Given information
..........
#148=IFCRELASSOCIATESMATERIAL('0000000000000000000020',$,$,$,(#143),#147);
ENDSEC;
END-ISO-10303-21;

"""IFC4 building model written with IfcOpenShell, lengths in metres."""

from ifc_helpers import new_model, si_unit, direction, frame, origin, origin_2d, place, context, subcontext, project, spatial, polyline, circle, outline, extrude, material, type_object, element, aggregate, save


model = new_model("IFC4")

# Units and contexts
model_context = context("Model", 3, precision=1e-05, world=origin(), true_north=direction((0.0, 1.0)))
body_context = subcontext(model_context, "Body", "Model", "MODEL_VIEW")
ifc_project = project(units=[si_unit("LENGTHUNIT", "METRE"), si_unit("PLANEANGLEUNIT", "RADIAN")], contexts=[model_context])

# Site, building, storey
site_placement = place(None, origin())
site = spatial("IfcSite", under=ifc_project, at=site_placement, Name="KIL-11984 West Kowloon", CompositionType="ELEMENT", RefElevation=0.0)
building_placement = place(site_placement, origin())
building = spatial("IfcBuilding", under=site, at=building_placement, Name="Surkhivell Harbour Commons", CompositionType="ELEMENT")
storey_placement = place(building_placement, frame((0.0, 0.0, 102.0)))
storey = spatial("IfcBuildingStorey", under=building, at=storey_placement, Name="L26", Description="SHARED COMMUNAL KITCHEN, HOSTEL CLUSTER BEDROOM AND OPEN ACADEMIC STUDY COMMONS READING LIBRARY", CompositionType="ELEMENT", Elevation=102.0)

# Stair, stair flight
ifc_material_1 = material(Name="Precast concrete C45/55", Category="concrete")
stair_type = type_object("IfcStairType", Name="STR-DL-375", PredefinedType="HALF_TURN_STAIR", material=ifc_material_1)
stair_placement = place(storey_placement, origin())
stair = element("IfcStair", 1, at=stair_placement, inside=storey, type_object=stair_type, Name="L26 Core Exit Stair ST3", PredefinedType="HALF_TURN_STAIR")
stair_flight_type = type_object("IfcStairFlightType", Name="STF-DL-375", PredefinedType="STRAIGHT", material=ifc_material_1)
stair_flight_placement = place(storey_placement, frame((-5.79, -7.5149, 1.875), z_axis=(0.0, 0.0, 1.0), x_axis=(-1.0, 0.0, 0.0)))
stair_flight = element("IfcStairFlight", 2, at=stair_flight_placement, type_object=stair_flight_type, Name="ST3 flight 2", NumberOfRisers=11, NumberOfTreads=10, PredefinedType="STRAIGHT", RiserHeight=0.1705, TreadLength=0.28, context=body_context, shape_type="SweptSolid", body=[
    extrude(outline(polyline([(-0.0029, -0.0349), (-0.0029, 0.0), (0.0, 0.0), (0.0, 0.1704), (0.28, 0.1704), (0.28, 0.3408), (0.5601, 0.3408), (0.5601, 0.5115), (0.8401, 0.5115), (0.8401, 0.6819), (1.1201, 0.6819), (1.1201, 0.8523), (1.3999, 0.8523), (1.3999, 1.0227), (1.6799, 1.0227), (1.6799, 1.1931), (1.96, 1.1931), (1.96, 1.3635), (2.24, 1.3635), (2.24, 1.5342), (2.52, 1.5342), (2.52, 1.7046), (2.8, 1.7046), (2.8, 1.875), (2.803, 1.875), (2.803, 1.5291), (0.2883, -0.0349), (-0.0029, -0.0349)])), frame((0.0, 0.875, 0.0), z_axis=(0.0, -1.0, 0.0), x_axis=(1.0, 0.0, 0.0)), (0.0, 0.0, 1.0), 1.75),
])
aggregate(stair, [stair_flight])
..........
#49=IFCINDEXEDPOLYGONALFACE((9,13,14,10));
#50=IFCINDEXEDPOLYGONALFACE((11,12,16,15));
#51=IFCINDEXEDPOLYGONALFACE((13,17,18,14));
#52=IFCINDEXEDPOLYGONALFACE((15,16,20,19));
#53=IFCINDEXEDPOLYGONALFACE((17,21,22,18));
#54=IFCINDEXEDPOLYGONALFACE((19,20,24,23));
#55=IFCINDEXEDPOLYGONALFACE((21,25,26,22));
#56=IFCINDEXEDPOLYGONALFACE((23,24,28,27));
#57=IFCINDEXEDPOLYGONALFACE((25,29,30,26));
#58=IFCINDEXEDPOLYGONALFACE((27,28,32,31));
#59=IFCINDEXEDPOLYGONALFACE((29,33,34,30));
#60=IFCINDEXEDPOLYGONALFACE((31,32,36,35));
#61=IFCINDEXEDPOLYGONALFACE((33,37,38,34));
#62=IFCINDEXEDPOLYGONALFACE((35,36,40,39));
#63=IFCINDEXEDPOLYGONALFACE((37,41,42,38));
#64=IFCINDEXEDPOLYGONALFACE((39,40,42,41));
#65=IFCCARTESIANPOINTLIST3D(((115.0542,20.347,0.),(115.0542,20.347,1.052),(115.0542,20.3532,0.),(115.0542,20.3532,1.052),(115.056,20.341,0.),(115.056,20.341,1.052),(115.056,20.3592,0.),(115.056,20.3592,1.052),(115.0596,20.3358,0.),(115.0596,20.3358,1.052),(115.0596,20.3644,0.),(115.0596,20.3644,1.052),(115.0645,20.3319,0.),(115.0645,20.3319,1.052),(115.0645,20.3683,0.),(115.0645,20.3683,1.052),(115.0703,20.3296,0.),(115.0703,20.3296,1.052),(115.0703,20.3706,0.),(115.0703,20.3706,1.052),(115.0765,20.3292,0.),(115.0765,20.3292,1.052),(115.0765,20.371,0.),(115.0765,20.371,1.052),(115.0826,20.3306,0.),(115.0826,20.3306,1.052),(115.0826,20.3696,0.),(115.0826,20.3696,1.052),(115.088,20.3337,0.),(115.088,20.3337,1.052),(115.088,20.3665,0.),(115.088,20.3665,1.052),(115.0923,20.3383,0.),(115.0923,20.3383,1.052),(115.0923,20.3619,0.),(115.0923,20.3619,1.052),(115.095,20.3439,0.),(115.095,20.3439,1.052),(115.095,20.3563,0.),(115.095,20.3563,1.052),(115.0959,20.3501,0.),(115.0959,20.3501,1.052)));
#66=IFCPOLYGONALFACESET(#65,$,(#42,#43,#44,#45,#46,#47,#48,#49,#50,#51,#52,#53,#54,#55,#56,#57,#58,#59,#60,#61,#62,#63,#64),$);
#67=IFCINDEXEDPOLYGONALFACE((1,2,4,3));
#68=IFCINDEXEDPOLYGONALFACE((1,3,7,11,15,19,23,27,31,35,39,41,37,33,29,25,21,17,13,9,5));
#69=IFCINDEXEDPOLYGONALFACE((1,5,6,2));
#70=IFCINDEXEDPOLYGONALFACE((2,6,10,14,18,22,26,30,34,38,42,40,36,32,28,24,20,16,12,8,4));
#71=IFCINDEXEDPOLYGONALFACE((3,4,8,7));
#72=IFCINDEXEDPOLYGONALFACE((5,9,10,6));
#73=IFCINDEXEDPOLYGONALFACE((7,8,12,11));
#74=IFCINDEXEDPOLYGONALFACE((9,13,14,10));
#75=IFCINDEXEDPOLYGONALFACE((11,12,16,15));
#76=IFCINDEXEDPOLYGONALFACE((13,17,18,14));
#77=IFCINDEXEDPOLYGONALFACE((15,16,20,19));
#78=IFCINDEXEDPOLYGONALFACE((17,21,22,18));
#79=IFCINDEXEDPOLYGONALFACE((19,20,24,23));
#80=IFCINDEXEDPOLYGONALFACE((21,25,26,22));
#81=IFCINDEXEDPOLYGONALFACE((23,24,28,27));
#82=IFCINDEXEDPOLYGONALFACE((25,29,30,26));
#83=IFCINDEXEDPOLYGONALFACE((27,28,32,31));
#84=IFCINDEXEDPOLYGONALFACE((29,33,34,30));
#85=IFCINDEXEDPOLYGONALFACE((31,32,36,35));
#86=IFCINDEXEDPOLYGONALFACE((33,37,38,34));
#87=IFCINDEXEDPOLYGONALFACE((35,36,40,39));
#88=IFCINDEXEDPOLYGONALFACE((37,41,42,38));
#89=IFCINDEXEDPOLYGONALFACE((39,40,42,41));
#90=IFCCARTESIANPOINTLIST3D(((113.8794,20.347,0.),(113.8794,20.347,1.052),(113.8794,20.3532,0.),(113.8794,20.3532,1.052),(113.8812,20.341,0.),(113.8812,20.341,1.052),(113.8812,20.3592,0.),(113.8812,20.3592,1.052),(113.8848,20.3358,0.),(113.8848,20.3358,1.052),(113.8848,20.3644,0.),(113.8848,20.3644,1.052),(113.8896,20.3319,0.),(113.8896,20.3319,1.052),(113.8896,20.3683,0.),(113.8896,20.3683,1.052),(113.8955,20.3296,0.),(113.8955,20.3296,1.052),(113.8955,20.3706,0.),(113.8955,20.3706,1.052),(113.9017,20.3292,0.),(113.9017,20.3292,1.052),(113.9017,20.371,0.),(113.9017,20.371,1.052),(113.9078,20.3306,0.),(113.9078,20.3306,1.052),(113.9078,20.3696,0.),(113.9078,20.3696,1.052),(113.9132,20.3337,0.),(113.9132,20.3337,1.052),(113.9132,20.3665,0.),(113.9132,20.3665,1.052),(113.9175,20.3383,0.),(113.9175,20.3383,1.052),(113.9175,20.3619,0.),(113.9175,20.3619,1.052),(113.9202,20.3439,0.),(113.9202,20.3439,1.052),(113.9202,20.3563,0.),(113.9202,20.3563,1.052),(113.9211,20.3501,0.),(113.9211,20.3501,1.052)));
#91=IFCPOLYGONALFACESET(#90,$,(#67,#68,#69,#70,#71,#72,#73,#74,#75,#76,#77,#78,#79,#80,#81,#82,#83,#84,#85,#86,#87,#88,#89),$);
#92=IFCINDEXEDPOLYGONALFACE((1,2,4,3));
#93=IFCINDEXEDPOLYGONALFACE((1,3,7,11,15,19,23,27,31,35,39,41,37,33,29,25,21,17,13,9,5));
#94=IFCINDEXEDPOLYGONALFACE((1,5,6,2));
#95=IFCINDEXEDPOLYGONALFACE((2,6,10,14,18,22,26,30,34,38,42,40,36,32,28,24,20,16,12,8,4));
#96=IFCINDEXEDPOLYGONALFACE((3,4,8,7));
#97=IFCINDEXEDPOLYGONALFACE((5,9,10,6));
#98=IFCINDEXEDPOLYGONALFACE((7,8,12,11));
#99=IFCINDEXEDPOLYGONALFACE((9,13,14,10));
..........
Work required
Return only the number of lines in the listing that contain the word "aggregate".

Answer space
2